**WHAT TO WORK ON:**
Look in the material below for the line holding "#91=IFCRELAGGREGATES('0000000000000000000012',$,$,$,#8,(#16));". Set it down exactly, with each later line up to and including the line holding "#93=IFCRELAGGREGATES('0000000000000000000014',$,$,$,#11,(#15));".
>>
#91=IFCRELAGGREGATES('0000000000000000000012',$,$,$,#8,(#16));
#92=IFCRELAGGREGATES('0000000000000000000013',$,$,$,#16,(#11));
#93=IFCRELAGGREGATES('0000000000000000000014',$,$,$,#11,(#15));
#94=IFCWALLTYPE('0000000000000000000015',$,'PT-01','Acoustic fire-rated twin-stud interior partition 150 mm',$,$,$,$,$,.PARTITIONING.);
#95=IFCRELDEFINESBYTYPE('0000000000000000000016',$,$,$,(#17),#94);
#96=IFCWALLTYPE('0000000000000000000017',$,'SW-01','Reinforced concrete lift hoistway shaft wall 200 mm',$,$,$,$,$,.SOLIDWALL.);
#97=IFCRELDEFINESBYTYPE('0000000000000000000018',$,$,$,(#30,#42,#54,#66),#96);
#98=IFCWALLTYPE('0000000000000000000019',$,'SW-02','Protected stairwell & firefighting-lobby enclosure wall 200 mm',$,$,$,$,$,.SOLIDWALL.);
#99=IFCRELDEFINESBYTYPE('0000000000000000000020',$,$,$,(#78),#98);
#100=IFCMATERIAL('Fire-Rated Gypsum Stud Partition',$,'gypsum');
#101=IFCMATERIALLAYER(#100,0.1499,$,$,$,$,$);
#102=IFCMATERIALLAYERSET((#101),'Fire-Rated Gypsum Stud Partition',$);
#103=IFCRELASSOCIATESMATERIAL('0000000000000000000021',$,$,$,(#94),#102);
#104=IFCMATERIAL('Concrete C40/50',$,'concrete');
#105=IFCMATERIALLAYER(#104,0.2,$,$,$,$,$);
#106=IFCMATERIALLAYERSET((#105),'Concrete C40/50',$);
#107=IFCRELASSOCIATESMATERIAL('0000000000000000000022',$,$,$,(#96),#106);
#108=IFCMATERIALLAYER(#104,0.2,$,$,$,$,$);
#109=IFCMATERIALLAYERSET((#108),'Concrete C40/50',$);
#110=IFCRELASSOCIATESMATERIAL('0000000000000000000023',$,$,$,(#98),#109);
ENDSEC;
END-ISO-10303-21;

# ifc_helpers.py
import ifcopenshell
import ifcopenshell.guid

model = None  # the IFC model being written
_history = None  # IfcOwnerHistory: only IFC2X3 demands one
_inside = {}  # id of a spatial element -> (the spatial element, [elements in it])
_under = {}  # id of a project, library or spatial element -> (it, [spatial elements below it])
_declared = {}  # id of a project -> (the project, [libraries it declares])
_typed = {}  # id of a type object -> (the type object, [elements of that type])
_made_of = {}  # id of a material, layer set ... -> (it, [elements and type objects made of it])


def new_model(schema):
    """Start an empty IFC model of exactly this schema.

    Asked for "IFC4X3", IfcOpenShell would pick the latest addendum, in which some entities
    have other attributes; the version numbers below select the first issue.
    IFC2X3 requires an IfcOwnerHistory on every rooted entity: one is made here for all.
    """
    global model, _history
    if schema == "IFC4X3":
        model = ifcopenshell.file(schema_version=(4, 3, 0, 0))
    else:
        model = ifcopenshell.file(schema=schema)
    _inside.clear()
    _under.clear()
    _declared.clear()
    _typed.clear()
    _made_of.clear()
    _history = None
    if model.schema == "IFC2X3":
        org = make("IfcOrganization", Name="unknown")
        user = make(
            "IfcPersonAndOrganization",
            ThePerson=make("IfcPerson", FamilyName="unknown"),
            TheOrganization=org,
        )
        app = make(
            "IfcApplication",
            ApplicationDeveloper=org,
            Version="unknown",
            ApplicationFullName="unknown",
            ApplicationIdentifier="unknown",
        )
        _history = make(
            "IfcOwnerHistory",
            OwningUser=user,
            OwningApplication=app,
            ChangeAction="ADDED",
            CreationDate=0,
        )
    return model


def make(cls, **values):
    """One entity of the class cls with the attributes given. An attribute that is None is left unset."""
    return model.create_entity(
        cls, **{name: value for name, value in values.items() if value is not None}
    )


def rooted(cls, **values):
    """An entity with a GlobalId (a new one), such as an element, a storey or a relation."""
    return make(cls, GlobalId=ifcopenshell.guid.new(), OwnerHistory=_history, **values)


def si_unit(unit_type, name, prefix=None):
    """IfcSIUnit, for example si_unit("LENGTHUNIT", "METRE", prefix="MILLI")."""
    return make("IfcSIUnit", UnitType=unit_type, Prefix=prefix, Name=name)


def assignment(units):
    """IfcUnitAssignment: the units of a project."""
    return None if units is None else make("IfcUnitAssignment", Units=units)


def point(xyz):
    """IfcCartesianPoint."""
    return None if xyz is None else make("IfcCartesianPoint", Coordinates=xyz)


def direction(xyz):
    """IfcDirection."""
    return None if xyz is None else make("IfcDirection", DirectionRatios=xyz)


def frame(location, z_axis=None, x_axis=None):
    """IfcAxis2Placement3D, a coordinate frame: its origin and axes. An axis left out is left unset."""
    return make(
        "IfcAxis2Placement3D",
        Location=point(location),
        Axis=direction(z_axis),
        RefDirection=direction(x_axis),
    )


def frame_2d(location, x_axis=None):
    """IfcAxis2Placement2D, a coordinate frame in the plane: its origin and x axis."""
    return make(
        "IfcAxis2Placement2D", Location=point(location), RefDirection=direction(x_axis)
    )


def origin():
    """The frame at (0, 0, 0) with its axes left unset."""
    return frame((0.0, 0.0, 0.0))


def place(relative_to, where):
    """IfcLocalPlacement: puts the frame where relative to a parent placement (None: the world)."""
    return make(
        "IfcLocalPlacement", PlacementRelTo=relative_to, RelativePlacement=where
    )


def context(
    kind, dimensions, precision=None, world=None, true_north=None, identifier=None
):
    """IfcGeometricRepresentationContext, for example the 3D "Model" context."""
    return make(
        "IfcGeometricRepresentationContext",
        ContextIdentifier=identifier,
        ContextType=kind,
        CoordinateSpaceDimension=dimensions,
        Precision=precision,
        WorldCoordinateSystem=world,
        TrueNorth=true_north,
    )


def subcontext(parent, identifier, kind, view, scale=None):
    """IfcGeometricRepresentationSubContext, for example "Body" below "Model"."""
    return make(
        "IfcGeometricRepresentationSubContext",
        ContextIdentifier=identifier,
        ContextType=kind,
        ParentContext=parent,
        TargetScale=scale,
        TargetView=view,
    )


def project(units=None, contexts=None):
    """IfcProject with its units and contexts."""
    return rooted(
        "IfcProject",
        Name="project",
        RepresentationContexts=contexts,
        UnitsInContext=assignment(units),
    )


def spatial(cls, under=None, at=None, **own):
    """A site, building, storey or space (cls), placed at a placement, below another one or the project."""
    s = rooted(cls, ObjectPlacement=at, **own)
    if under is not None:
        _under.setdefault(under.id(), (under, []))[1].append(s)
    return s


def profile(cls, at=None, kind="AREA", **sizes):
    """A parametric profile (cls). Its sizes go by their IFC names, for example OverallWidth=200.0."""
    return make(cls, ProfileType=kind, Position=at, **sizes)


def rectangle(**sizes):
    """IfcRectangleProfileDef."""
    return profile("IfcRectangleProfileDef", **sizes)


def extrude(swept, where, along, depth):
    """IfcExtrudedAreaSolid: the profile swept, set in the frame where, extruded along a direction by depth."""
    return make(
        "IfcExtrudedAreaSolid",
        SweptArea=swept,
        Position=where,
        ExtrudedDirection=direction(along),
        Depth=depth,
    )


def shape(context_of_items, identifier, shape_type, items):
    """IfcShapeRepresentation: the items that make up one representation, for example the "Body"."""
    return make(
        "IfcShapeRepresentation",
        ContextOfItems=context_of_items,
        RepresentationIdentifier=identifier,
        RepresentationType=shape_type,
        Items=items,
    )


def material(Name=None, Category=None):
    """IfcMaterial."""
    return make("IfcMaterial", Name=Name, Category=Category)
<<
>>
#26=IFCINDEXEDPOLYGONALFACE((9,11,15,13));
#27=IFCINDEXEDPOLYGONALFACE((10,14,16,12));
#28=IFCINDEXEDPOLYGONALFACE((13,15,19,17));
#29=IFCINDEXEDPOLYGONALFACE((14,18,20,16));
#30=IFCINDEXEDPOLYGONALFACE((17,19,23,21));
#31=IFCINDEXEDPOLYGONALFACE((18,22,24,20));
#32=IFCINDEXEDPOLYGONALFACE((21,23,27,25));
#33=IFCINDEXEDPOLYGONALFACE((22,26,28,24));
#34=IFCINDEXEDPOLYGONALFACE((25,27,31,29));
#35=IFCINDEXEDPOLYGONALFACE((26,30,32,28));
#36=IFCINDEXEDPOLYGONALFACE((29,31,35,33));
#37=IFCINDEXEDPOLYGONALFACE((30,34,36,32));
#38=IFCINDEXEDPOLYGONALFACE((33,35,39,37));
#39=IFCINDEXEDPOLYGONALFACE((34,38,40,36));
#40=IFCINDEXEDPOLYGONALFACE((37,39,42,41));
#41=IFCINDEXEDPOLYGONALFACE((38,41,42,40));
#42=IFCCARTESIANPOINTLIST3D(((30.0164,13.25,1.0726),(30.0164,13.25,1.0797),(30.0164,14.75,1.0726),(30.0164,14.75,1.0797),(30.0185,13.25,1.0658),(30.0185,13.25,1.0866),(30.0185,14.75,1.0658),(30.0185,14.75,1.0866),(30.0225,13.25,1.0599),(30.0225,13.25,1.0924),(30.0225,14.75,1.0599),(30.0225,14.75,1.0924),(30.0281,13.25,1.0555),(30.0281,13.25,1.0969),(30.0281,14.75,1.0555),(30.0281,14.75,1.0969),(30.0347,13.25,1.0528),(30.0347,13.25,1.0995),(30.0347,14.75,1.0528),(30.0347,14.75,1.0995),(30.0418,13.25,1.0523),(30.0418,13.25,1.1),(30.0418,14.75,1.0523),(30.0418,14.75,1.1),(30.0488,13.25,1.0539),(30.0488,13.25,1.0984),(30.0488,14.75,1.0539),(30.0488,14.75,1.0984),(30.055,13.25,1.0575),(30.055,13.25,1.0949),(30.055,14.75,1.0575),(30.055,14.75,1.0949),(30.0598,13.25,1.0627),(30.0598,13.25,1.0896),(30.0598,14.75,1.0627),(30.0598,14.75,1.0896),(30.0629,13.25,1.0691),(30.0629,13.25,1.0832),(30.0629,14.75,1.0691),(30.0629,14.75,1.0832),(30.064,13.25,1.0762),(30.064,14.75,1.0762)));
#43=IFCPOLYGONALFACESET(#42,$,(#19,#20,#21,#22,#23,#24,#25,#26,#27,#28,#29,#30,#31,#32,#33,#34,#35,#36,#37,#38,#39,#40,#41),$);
<<
**ANSWER FOR THE TASK:**
#91=IFCRELAGGREGATES('0000000000000000000012',$,$,$,#8,(#16));
#92=IFCRELAGGREGATES('0000000000000000000013',$,$,$,#16,(#11));
#93=IFCRELAGGREGATES('0000000000000000000014',$,$,$,#11,(#15));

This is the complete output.